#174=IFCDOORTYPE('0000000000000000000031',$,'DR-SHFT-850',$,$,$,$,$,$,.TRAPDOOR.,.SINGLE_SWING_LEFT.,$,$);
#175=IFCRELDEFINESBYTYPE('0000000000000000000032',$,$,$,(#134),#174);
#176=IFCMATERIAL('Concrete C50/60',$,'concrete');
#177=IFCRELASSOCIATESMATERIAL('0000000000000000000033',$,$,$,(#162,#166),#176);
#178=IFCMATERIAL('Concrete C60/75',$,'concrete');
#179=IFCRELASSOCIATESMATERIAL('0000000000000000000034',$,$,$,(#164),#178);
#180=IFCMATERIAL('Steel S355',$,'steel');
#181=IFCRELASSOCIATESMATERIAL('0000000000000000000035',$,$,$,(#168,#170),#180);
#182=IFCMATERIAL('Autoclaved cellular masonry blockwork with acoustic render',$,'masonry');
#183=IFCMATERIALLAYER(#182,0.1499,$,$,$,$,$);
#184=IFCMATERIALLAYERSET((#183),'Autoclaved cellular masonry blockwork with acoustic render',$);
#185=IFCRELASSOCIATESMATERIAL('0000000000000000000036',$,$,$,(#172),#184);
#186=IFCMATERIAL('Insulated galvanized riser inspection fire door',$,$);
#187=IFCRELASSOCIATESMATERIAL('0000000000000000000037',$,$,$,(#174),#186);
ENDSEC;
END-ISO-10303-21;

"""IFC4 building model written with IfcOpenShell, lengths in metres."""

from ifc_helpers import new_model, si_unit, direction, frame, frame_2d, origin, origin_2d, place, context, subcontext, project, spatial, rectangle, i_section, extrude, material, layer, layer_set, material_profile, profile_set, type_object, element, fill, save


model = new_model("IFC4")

### Problem
Restate the listing in full, preserving every word.

### Your solution
#174=IFCDOORTYPE('0000000000000000000031',$,'DR-SHFT-850',$,$,$,$,$,$,.TRAPDOOR.,.SINGLE_SWING_LEFT.,$,$);
#175=IFCRELDEFINESBYTYPE('0000000000000000000032',$,$,$,(#134),#174);
#176=IFCMATERIAL('Concrete C50/60',$,'concrete');
#177=IFCRELASSOCIATESMATERIAL('0000000000000000000033',$,$,$,(#162,#166),#176);
#178=IFCMATERIAL('Concrete C60/75',$,'concrete');
#179=IFCRELASSOCIATESMATERIAL('0000000000000000000034',$,$,$,(#164),#178);
#180=IFCMATERIAL('Steel S355',$,'steel');
#181=IFCRELASSOCIATESMATERIAL('0000000000000000000035',$,$,$,(#168,#170),#180);
#182=IFCMATERIAL('Autoclaved cellular masonry blockwork with acoustic render',$,'masonry');
#183=IFCMATERIALLAYER(#182,0.1499,$,$,$,$,$);
#184=IFCMATERIALLAYERSET((#183),'Autoclaved cellular masonry blockwork with acoustic render',$);
#185=IFCRELASSOCIATESMATERIAL('0000000000000000000036',$,$,$,(#172),#184);
#186=IFCMATERIAL('Insulated galvanized riser inspection fire door',$,$);
#187=IFCRELASSOCIATESMATERIAL('0000000000000000000037',$,$,$,(#174),#186);
ENDSEC;
END-ISO-10303-21;

"""IFC4 building model written with IfcOpenShell, lengths in metres."""

from ifc_helpers import new_model, si_unit, direction, frame, frame_2d, origin, origin_2d, place, context, subcontext, project, spatial, rectangle, i_section, extrude, material, layer, layer_set, material_profile, profile_set, type_object, element, fill, save


model = new_model("IFC4")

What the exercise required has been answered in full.